== Problem requirements ==
The lines to be copied are those below that contain "steel".

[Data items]
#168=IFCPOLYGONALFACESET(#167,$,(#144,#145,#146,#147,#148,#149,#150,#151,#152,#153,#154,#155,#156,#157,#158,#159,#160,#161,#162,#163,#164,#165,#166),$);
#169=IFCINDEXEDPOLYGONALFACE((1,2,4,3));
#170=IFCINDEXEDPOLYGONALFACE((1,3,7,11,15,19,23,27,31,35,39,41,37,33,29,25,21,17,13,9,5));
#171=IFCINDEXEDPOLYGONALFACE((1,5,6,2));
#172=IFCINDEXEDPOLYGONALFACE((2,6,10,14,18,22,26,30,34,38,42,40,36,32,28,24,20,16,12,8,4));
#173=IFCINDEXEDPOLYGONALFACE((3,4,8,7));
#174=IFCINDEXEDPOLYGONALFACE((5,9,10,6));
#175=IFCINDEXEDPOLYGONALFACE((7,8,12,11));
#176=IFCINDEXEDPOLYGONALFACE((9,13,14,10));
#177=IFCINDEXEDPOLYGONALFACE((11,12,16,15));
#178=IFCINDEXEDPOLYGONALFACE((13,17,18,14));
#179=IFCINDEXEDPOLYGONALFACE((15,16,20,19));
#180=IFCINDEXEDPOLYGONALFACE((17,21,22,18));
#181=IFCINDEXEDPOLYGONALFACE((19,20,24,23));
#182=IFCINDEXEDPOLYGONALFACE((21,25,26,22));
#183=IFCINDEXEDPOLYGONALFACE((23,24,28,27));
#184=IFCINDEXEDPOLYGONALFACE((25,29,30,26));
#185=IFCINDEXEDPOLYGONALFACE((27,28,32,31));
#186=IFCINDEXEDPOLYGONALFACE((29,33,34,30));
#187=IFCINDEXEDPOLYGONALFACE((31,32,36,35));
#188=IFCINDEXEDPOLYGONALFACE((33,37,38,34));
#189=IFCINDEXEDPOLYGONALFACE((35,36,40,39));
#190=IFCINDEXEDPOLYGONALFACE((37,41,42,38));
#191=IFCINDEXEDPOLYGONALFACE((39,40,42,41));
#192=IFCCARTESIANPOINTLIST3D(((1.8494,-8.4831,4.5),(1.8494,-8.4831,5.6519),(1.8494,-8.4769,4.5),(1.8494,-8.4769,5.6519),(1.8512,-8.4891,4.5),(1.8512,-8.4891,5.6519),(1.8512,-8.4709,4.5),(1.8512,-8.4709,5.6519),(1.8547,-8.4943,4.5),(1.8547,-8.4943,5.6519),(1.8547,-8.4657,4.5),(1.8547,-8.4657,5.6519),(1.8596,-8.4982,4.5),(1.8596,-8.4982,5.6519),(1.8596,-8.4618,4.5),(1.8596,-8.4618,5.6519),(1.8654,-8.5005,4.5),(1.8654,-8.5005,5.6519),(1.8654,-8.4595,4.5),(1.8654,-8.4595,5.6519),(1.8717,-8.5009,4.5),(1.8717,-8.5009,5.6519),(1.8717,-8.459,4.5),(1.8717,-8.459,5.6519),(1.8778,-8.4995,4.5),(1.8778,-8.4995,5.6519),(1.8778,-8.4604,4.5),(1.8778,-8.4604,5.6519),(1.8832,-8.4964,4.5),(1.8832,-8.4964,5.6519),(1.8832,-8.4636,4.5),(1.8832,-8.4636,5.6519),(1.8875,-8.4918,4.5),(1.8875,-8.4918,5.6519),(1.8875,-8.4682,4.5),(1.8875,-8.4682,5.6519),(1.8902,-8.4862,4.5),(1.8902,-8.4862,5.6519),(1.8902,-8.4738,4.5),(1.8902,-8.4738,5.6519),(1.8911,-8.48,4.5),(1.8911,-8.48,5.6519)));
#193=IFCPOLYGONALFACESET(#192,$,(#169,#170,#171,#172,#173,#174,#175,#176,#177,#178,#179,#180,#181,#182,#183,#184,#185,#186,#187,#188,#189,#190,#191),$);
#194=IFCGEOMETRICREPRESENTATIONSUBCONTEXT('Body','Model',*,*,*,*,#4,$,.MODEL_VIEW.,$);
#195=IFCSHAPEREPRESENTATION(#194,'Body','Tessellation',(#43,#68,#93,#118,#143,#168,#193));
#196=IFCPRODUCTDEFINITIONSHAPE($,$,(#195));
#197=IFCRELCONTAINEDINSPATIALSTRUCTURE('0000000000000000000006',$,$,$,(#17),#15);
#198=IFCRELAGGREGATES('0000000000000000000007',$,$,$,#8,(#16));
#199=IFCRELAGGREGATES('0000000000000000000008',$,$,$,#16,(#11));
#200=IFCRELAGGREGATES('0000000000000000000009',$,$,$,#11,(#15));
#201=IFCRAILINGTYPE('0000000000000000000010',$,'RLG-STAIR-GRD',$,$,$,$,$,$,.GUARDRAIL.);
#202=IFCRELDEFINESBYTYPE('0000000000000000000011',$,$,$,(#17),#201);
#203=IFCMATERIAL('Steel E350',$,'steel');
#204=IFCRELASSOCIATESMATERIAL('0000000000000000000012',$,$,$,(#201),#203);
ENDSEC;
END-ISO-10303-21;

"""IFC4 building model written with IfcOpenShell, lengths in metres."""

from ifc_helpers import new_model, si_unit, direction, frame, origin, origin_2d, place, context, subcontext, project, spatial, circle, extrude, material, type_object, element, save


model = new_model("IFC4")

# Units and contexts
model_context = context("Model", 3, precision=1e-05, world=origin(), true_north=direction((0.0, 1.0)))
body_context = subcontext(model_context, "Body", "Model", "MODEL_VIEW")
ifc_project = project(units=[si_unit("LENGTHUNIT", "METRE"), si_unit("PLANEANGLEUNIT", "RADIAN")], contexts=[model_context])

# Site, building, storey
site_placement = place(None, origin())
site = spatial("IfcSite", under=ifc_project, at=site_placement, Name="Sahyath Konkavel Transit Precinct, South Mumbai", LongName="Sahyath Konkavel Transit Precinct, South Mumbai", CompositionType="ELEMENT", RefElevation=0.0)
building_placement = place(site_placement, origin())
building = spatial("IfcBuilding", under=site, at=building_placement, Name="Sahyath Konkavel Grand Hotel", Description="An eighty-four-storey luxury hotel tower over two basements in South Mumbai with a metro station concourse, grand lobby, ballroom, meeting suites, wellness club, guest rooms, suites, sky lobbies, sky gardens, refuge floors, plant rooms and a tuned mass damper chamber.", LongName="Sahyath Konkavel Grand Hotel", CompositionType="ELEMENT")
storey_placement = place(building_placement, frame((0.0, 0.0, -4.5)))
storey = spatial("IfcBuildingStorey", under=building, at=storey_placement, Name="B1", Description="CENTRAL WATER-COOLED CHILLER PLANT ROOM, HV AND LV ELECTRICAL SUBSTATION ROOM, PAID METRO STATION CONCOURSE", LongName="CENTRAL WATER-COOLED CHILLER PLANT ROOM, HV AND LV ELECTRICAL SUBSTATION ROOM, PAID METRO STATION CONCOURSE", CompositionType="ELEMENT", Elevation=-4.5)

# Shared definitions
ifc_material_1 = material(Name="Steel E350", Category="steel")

== Written solution ==
#203=IFCMATERIAL('Steel E350',$,'steel');
ifc_material_1 = material(Name="Steel E350", Category="steel")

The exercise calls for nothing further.